### Work request
Your job with the data below is to output exactly the lines from the one holding "#68=IFCINDEXEDPOLYGONALFACE((3,7,8,4));" down to the one holding "#73=IFCPRODUCTDEFINITIONSHAPE($,$,(#72));", both included, and no others.

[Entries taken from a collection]
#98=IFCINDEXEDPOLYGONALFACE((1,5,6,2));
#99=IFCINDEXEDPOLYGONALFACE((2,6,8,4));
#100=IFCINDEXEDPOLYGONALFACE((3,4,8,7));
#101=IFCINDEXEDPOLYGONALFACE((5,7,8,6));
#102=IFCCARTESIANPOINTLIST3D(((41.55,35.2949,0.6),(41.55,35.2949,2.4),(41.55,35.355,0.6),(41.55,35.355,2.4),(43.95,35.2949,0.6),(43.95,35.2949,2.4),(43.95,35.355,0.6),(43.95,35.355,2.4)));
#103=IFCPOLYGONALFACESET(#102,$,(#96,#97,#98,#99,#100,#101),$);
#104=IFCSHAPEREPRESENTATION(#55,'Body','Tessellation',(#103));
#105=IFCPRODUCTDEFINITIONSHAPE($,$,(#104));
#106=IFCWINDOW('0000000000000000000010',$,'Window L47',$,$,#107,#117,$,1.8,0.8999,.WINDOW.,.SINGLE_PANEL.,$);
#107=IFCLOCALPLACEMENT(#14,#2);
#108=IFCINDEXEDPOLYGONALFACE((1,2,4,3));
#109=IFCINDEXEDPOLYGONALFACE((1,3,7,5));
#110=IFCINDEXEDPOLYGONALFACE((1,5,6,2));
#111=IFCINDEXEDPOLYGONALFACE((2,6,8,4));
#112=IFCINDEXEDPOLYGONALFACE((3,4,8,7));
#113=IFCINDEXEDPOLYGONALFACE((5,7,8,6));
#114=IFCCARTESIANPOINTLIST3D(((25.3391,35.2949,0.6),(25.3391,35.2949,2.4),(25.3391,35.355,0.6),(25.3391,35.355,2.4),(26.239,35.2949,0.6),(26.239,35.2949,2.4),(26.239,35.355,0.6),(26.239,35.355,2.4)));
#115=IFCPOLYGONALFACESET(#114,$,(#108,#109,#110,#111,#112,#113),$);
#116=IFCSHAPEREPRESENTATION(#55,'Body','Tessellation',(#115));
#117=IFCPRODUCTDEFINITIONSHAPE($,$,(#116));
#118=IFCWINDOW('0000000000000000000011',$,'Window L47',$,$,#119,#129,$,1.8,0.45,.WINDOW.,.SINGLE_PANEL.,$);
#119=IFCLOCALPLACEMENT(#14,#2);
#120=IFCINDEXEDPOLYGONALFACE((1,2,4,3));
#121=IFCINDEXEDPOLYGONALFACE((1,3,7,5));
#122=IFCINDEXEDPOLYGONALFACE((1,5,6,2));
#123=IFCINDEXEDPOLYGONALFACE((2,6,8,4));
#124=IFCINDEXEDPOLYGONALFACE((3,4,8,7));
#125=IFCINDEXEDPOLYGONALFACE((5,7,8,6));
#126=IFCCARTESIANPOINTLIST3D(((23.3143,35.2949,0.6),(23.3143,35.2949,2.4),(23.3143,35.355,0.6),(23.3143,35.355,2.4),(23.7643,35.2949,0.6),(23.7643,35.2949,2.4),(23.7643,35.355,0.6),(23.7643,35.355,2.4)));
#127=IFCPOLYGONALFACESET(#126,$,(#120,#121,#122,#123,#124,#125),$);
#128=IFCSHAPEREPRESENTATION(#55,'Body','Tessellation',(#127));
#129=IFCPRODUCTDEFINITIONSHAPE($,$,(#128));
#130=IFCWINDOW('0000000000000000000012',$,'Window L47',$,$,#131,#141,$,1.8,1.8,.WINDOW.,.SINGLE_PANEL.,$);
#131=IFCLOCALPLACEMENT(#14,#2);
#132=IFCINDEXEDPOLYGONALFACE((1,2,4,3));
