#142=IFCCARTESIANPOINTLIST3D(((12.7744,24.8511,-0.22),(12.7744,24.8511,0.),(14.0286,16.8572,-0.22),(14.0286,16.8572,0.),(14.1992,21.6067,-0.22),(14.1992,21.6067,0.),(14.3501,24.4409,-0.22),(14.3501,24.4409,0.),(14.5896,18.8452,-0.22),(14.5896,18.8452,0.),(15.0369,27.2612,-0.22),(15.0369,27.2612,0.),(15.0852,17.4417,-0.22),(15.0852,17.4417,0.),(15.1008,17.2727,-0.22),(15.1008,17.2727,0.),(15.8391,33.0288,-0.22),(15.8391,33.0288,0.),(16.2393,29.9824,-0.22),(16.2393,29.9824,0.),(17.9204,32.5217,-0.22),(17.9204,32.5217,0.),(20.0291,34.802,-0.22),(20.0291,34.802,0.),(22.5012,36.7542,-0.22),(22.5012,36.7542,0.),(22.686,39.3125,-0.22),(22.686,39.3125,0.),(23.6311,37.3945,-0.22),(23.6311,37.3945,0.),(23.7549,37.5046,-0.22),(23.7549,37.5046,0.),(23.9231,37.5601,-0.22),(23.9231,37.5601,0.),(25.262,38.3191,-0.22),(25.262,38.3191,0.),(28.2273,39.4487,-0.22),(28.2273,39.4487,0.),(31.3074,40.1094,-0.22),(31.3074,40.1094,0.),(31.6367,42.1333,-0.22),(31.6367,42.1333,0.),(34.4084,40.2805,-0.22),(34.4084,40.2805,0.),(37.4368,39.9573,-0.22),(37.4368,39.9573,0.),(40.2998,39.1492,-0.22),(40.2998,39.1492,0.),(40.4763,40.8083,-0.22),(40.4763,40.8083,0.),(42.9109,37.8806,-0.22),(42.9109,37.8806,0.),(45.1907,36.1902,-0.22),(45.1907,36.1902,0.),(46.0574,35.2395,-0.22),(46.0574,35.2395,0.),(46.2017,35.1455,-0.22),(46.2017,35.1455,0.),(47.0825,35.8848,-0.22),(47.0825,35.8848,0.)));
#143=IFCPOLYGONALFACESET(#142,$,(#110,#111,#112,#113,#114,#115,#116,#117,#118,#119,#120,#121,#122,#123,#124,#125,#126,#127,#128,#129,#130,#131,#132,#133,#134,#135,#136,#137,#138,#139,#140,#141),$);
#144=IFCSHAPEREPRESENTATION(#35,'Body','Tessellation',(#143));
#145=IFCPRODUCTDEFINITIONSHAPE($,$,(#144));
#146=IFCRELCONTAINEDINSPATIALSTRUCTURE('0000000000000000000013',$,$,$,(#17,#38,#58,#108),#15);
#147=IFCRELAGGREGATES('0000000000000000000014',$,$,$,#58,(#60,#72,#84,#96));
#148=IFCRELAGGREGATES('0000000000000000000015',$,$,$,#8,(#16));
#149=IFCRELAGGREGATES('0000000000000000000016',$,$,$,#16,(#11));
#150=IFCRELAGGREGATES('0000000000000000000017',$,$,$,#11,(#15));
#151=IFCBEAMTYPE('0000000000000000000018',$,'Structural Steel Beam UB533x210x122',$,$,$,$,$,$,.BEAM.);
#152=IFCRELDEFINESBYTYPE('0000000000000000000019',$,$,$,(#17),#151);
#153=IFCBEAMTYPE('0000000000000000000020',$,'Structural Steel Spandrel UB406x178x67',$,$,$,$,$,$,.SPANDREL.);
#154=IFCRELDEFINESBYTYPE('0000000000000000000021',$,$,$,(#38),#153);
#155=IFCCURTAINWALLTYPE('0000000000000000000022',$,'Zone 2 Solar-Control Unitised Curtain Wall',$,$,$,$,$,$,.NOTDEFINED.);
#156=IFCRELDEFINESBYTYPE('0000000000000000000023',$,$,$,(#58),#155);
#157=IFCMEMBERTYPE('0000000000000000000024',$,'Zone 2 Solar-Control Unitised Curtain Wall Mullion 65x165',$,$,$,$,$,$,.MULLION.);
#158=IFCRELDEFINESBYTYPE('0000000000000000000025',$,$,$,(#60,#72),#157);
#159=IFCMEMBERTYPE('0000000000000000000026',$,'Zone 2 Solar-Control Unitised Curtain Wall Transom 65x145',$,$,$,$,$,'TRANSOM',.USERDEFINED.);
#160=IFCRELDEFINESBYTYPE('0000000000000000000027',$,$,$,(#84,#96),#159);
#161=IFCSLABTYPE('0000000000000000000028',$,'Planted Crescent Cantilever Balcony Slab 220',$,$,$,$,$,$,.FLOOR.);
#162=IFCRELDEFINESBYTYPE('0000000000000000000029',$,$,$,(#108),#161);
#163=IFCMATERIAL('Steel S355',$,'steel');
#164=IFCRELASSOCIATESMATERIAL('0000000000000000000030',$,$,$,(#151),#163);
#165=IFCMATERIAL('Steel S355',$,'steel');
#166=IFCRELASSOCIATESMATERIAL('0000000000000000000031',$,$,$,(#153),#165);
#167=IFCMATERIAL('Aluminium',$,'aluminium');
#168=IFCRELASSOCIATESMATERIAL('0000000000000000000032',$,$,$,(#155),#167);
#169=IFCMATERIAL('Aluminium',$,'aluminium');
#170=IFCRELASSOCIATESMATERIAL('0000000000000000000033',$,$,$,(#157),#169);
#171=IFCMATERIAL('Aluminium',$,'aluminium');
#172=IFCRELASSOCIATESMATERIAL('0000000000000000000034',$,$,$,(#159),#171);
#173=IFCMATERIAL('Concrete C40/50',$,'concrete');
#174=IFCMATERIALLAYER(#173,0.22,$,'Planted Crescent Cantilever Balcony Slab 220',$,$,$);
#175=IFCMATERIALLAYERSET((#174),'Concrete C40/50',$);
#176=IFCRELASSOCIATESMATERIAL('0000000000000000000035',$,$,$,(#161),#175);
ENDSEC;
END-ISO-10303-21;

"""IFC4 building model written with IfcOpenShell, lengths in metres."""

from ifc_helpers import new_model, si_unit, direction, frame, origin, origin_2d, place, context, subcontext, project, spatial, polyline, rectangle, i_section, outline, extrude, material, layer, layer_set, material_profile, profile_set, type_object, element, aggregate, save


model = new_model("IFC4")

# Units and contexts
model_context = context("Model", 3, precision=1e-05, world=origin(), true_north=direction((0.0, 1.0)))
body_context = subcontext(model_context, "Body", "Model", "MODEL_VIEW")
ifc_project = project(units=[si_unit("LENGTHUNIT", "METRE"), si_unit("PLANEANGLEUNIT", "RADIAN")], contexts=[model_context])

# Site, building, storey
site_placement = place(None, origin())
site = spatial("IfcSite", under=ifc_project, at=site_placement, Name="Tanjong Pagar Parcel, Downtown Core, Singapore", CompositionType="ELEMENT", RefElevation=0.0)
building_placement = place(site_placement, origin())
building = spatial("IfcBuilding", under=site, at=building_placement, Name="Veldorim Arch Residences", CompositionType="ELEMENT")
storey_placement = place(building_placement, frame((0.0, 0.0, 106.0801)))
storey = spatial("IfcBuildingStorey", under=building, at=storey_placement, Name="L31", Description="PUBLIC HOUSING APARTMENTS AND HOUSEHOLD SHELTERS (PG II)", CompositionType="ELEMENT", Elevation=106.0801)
...
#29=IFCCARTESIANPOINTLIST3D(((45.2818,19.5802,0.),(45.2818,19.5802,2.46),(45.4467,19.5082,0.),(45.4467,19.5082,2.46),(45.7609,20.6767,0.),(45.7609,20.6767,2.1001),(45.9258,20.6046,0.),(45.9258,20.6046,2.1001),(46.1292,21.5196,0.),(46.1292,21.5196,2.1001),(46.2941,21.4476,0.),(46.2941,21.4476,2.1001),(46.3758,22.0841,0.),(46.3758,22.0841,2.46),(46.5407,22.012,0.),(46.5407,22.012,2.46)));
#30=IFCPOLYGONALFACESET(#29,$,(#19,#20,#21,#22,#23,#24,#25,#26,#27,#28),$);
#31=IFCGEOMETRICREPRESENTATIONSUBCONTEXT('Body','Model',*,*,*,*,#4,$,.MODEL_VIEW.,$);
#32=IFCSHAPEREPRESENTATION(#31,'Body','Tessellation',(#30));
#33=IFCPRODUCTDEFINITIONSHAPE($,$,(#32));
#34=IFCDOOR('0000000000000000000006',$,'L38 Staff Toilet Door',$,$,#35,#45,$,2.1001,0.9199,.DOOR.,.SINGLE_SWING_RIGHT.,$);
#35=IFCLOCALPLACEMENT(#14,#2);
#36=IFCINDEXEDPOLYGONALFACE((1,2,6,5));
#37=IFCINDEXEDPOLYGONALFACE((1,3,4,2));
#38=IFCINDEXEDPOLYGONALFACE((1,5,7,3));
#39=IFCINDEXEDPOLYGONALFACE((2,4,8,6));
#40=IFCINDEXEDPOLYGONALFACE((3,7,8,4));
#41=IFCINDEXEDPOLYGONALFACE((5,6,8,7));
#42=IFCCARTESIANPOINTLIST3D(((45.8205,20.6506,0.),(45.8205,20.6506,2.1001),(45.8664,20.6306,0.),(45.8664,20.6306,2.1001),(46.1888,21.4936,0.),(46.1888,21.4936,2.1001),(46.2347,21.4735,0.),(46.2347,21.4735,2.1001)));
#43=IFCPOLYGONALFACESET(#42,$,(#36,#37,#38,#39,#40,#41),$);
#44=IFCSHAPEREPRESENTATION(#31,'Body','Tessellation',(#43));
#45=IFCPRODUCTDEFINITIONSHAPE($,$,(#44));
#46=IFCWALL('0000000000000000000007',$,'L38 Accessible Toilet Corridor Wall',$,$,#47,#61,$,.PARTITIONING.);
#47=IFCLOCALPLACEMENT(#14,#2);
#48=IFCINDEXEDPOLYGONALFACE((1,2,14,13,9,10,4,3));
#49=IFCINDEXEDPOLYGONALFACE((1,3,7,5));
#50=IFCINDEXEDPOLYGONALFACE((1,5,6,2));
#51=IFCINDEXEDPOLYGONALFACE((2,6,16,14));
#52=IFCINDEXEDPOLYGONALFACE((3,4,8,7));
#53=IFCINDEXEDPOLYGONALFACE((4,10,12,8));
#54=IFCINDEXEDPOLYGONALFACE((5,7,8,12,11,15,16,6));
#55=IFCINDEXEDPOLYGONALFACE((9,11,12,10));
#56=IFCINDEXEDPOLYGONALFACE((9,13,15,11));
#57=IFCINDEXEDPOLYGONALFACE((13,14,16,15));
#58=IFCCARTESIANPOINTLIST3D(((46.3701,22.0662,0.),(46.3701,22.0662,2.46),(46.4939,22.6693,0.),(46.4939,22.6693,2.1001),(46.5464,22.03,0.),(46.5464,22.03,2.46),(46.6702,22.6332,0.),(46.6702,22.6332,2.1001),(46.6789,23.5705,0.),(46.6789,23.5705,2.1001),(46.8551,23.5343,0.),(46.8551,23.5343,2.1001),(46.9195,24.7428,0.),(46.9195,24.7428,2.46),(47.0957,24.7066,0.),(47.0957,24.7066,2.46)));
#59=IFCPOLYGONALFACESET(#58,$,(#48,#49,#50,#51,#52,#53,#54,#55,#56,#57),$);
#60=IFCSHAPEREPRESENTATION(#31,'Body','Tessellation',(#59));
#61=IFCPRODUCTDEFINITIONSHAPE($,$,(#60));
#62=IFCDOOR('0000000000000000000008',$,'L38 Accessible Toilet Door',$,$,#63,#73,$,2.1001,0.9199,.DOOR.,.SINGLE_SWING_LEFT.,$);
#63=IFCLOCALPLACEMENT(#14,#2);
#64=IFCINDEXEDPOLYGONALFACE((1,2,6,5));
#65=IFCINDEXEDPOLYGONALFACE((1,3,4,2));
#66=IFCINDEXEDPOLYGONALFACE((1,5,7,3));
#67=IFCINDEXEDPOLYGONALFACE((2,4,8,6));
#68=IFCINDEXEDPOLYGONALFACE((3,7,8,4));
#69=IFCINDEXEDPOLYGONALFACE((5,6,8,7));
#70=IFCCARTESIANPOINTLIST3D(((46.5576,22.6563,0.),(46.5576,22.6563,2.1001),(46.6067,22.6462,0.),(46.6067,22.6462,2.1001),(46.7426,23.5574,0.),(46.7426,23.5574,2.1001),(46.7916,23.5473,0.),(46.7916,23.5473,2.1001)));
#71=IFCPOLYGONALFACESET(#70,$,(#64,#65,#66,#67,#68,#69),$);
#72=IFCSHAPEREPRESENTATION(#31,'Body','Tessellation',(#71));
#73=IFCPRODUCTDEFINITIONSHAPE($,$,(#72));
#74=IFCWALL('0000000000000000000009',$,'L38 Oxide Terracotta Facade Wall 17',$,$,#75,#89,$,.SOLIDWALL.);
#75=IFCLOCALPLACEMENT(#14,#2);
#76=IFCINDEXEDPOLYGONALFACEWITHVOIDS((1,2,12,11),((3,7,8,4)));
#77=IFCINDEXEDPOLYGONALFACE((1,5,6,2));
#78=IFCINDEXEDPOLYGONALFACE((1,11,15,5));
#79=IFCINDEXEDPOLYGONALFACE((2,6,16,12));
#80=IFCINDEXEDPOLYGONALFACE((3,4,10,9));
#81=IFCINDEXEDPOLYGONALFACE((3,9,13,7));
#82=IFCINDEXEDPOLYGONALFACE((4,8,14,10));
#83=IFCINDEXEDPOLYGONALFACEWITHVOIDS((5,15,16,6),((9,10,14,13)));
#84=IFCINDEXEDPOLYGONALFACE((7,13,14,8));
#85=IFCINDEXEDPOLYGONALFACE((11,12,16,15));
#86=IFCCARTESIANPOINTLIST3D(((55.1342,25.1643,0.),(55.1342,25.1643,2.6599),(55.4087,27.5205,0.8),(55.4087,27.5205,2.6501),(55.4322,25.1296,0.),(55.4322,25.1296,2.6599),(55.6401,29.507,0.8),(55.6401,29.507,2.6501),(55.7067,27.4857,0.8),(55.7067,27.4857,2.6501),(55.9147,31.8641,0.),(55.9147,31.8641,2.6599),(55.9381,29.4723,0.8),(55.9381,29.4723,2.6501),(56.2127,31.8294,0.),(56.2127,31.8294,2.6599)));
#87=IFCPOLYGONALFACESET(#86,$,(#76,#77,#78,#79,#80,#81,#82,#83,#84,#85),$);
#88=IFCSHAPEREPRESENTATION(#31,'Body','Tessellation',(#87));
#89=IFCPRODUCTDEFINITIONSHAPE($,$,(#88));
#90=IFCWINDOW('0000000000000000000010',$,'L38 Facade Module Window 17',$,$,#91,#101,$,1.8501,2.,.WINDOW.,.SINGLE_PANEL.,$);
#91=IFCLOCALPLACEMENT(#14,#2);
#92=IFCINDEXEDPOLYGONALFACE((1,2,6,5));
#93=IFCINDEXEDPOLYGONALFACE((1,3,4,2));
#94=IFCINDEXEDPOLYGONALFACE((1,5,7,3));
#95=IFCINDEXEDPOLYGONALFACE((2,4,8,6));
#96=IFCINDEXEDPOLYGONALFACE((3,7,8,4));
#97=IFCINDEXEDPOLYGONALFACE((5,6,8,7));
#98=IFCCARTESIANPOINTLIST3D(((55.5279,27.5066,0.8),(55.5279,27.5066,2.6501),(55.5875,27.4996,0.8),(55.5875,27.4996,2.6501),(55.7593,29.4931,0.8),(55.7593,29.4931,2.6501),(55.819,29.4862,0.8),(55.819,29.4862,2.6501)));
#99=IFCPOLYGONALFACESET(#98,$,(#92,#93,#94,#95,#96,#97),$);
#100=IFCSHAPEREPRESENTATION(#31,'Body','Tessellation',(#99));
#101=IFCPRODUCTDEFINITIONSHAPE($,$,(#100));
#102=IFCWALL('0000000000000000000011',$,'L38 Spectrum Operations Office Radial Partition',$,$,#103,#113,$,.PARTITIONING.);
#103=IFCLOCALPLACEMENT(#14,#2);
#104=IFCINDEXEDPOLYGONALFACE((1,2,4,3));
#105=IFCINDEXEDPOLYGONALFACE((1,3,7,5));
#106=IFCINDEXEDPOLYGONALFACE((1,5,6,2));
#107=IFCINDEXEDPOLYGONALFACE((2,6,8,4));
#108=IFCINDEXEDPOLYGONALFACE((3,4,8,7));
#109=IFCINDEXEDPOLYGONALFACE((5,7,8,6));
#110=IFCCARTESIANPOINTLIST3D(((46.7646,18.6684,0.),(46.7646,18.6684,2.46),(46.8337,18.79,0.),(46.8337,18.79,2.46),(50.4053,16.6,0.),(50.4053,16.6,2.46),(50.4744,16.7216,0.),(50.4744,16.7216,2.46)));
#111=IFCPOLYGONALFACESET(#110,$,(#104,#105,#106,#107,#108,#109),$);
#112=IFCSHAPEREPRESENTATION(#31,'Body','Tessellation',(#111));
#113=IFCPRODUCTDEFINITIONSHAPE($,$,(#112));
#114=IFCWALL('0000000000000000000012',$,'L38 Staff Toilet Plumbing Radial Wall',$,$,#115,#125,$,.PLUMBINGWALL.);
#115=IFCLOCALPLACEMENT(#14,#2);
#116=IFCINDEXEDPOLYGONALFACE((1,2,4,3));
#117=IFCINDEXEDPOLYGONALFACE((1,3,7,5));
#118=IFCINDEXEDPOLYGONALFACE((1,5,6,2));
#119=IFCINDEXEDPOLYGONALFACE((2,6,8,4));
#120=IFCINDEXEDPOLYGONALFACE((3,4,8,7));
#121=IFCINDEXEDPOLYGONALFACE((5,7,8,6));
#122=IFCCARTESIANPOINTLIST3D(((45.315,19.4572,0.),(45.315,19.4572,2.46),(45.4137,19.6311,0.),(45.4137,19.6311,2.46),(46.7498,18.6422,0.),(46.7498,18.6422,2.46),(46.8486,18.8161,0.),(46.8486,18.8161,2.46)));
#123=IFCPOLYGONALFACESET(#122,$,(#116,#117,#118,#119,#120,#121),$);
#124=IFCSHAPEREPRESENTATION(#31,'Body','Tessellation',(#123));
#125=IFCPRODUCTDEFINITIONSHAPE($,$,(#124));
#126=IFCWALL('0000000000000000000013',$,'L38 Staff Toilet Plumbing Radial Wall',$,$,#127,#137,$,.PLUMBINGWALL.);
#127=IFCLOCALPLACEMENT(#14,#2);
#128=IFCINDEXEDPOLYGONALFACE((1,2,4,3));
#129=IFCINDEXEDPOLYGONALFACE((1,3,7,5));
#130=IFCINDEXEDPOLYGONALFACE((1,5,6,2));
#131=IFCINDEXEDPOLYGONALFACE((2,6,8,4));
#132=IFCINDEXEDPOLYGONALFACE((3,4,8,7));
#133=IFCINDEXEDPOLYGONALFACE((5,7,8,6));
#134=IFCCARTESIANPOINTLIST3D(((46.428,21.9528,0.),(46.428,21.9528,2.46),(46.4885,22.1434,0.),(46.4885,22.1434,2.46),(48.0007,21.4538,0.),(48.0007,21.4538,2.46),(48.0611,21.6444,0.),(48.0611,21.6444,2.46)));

### Exercise solution
#68=IFCINDEXEDPOLYGONALFACE((3,7,8,4));
#69=IFCINDEXEDPOLYGONALFACE((5,6,8,7));
#70=IFCCARTESIANPOINTLIST3D(((46.5576,22.6563,0.),(46.5576,22.6563,2.1001),(46.6067,22.6462,0.),(46.6067,22.6462,2.1001),(46.7426,23.5574,0.),(46.7426,23.5574,2.1001),(46.7916,23.5473,0.),(46.7916,23.5473,2.1001)));
#71=IFCPOLYGONALFACESET(#70,$,(#64,#65,#66,#67,#68,#69),$);
#72=IFCSHAPEREPRESENTATION(#31,'Body','Tessellation',(#71));
#73=IFCPRODUCTDEFINITIONSHAPE($,$,(#72));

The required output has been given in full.